Listed entries section start

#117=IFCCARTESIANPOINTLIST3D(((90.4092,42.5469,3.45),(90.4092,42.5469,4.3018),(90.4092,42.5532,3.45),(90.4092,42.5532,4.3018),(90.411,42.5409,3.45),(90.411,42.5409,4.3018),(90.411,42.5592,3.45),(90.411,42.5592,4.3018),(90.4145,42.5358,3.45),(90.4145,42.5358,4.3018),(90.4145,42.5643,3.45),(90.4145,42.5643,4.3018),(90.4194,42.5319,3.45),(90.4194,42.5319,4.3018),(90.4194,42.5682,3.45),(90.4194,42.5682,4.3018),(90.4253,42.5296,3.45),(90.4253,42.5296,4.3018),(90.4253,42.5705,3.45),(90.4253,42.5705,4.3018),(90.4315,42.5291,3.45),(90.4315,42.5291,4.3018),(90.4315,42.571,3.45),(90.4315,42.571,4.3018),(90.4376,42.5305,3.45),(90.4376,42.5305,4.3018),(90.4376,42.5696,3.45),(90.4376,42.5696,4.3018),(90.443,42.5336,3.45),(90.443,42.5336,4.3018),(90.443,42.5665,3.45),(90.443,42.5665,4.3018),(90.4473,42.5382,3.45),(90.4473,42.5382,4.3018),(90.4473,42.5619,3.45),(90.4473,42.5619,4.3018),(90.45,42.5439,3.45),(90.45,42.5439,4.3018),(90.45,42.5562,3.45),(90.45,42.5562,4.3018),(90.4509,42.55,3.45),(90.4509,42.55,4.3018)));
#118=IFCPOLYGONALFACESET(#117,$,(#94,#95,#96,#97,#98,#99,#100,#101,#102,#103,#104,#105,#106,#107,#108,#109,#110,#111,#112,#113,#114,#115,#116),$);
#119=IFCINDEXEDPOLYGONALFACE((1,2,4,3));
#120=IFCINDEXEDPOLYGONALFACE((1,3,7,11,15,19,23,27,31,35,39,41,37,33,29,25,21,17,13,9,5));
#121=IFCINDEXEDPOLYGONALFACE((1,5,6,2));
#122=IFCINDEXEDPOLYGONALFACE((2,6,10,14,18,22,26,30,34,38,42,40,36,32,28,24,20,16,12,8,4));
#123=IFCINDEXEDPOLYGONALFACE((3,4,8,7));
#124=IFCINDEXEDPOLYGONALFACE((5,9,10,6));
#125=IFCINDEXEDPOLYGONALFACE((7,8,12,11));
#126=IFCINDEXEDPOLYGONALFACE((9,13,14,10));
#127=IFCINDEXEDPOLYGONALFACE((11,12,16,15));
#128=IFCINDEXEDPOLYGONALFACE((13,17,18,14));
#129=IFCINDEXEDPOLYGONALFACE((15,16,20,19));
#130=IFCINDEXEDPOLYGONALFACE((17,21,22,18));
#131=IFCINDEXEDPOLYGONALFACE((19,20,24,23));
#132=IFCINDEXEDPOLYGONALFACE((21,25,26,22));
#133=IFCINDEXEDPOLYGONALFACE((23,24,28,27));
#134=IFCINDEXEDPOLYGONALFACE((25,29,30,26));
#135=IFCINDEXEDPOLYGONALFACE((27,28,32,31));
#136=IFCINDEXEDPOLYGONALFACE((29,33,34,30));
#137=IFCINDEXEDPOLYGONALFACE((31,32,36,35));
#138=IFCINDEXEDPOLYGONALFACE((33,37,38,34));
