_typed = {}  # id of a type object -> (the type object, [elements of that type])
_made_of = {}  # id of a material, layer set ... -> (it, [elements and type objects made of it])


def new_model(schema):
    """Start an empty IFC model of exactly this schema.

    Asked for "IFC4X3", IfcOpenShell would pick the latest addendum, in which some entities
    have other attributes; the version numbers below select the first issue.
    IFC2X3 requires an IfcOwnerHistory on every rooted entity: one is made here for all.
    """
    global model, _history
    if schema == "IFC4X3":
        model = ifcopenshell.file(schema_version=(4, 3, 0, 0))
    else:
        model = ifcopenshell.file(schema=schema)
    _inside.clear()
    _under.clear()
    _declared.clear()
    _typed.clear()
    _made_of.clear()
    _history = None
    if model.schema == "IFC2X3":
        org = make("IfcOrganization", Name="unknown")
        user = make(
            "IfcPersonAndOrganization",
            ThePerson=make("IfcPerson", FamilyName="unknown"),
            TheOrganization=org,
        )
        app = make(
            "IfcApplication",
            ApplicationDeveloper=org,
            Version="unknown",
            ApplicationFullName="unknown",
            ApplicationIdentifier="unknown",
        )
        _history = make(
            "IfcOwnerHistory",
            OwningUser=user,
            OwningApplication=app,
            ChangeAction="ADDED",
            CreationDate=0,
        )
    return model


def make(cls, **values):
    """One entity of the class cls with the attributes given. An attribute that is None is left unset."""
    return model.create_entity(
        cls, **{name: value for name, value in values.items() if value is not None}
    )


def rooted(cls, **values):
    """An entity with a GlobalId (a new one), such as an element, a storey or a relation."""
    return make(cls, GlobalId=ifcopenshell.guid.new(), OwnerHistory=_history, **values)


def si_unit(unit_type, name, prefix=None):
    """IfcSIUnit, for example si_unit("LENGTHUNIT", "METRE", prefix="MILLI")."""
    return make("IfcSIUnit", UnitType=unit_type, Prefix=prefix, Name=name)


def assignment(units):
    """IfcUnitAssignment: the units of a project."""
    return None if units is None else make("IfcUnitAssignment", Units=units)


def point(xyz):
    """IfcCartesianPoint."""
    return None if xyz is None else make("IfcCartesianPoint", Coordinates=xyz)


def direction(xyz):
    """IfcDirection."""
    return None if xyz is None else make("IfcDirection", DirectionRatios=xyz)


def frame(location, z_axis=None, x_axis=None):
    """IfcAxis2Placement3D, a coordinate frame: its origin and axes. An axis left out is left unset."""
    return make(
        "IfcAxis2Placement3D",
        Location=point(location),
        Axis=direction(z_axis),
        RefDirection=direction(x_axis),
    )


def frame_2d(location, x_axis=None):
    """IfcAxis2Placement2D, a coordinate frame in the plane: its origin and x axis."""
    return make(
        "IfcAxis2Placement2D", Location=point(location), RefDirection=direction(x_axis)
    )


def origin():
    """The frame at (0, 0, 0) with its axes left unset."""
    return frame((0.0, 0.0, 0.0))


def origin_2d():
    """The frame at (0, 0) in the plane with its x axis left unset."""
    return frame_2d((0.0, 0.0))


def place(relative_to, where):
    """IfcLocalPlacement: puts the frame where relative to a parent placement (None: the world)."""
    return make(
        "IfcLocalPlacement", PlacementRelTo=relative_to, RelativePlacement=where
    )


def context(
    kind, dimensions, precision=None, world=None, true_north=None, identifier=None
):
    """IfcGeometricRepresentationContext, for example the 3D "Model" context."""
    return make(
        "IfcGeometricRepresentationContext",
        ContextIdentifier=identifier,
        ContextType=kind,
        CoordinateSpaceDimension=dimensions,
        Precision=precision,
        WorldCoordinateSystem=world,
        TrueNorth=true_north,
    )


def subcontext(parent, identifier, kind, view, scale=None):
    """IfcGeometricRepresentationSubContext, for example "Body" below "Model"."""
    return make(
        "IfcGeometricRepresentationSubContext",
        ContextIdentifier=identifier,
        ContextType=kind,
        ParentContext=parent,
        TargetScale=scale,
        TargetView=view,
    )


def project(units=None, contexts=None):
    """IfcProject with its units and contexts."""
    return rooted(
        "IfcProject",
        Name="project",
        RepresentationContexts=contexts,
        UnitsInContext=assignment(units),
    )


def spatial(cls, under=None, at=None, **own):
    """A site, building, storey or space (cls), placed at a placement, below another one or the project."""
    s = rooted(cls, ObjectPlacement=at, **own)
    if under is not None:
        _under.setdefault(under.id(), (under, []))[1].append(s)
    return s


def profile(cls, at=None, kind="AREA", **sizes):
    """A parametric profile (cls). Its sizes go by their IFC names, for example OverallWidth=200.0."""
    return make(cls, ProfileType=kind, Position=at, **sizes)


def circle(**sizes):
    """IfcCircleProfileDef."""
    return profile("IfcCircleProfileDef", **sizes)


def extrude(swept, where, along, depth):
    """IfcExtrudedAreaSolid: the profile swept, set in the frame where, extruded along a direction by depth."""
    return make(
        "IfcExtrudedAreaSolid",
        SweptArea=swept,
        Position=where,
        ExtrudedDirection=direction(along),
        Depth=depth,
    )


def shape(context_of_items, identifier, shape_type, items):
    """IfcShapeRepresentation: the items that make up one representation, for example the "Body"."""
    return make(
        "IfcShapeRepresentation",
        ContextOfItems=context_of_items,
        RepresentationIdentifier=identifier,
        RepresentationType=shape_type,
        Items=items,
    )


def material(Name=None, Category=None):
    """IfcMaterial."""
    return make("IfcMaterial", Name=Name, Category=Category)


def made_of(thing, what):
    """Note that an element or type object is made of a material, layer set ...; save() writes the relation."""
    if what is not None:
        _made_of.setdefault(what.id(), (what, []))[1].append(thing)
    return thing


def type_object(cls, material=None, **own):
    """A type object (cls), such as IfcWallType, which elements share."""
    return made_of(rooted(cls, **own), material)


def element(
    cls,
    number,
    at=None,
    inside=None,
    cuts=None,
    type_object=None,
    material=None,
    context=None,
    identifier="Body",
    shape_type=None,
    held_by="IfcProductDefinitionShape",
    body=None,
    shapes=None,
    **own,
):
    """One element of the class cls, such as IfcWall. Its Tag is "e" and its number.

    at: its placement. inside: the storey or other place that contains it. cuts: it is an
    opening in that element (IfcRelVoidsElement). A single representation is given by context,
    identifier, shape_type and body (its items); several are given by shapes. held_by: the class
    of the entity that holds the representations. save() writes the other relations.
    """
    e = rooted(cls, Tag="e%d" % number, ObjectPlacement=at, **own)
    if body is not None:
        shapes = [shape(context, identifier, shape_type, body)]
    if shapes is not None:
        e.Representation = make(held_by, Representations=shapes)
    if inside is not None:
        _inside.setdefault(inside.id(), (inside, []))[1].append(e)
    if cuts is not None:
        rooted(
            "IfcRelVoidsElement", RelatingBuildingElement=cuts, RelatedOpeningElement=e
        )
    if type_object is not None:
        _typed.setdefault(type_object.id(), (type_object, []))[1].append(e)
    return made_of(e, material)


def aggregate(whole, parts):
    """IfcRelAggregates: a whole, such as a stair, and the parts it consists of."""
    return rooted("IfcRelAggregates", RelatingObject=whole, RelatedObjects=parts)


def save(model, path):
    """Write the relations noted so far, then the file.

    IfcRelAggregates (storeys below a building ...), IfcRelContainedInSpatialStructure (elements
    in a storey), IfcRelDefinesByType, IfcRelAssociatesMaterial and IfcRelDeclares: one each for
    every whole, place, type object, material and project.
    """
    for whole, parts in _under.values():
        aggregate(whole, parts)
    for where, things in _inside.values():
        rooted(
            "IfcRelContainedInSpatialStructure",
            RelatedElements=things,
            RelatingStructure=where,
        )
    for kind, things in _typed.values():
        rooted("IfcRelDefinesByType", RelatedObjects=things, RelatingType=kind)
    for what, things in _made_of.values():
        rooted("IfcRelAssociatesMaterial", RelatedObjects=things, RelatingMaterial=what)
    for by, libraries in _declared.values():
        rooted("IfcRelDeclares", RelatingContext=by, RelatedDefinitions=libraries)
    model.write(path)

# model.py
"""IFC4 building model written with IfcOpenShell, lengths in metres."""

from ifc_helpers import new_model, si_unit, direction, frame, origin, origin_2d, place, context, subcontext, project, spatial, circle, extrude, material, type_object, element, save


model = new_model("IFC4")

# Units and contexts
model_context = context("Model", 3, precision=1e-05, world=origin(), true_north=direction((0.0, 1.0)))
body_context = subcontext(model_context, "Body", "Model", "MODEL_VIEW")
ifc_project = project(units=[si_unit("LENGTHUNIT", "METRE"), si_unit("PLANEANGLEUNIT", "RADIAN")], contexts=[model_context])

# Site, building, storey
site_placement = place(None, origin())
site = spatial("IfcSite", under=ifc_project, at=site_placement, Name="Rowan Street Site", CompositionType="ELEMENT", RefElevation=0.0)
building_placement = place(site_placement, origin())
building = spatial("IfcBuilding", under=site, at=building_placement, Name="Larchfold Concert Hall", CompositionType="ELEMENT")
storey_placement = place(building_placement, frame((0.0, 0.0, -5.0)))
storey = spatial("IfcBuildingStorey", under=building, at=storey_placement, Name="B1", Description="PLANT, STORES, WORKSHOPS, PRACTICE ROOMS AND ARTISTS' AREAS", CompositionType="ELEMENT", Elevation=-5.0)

Listed entries section end
Listed entries section start

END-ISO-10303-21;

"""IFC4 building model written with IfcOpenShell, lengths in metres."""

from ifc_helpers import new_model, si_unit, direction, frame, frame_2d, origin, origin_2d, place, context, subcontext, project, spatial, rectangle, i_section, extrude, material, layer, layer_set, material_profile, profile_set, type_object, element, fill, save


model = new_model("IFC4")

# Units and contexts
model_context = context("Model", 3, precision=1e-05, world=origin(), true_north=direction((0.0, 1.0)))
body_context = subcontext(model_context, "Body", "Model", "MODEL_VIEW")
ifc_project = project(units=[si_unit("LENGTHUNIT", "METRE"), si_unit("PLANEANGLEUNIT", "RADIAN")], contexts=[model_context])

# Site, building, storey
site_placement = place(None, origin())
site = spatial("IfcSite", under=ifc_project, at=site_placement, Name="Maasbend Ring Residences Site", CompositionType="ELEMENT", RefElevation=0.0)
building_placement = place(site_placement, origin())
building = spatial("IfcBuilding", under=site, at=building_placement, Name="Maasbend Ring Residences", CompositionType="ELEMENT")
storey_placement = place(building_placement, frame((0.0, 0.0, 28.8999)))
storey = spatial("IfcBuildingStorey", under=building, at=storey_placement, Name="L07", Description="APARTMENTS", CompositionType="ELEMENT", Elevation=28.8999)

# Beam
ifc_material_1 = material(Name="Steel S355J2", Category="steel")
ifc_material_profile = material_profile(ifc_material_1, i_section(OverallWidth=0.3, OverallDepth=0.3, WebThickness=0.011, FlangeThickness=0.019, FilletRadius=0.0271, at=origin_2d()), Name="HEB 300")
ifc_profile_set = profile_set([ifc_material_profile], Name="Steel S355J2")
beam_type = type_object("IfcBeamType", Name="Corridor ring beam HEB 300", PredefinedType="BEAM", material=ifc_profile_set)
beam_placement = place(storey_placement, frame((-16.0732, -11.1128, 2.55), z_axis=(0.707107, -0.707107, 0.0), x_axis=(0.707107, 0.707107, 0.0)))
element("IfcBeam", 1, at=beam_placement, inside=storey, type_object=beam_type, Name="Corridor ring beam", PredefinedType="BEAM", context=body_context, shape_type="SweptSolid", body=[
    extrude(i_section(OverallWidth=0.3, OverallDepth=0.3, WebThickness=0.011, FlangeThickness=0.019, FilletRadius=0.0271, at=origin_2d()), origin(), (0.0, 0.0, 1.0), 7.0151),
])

Listed entries section end
Listed entries section start

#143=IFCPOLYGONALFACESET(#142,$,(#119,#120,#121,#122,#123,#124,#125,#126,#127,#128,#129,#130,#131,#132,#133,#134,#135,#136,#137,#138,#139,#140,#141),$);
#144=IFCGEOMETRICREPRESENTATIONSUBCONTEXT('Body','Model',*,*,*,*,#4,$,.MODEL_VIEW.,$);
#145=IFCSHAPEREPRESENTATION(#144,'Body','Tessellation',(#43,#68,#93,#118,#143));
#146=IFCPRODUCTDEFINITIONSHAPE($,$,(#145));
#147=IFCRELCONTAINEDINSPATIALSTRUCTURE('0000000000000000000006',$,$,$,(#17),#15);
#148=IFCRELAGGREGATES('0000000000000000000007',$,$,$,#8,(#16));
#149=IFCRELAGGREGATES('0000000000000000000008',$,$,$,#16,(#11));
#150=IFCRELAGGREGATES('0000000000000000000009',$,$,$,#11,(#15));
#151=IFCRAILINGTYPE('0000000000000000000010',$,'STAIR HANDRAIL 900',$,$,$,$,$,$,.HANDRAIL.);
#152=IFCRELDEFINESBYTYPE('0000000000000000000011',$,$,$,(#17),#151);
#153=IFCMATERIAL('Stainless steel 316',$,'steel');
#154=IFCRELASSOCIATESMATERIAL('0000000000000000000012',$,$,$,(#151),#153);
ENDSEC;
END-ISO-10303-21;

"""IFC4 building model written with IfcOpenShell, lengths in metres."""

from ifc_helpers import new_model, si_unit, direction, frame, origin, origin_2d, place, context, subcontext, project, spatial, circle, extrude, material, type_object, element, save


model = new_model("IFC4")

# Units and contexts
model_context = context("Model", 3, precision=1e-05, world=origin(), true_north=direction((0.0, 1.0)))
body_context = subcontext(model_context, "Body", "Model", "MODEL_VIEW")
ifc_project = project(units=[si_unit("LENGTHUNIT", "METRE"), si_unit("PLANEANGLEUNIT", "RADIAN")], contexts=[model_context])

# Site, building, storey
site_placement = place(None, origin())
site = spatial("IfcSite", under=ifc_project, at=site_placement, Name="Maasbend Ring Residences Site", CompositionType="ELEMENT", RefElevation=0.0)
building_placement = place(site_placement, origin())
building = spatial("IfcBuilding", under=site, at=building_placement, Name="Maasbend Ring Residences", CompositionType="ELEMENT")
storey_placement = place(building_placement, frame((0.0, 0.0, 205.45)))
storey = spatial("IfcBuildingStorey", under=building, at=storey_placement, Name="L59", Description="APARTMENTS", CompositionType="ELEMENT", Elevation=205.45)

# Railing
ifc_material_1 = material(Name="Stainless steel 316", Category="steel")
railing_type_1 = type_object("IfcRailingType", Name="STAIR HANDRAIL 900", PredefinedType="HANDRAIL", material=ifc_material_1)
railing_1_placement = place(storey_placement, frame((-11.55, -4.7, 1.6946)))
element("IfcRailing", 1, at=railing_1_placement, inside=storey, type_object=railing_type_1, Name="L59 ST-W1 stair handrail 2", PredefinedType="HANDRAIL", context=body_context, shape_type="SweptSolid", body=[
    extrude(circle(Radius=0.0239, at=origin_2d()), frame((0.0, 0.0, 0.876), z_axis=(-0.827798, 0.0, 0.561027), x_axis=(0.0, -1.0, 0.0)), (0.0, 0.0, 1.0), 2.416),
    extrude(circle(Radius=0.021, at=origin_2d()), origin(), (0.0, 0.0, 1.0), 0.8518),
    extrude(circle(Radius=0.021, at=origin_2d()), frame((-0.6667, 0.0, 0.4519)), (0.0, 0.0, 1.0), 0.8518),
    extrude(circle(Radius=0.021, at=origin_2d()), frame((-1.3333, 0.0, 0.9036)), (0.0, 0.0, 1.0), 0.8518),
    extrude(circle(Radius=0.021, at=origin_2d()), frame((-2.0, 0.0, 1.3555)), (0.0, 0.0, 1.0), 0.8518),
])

Listed entries section end

# [What to produce]
What lines of the listing contain the word "parent"? Copy them all.

# [Completed exercise]
    """IfcLocalPlacement: puts the frame where relative to a parent placement (None: the world)."""
def subcontext(parent, identifier, kind, view, scale=None):
        ParentContext=parent,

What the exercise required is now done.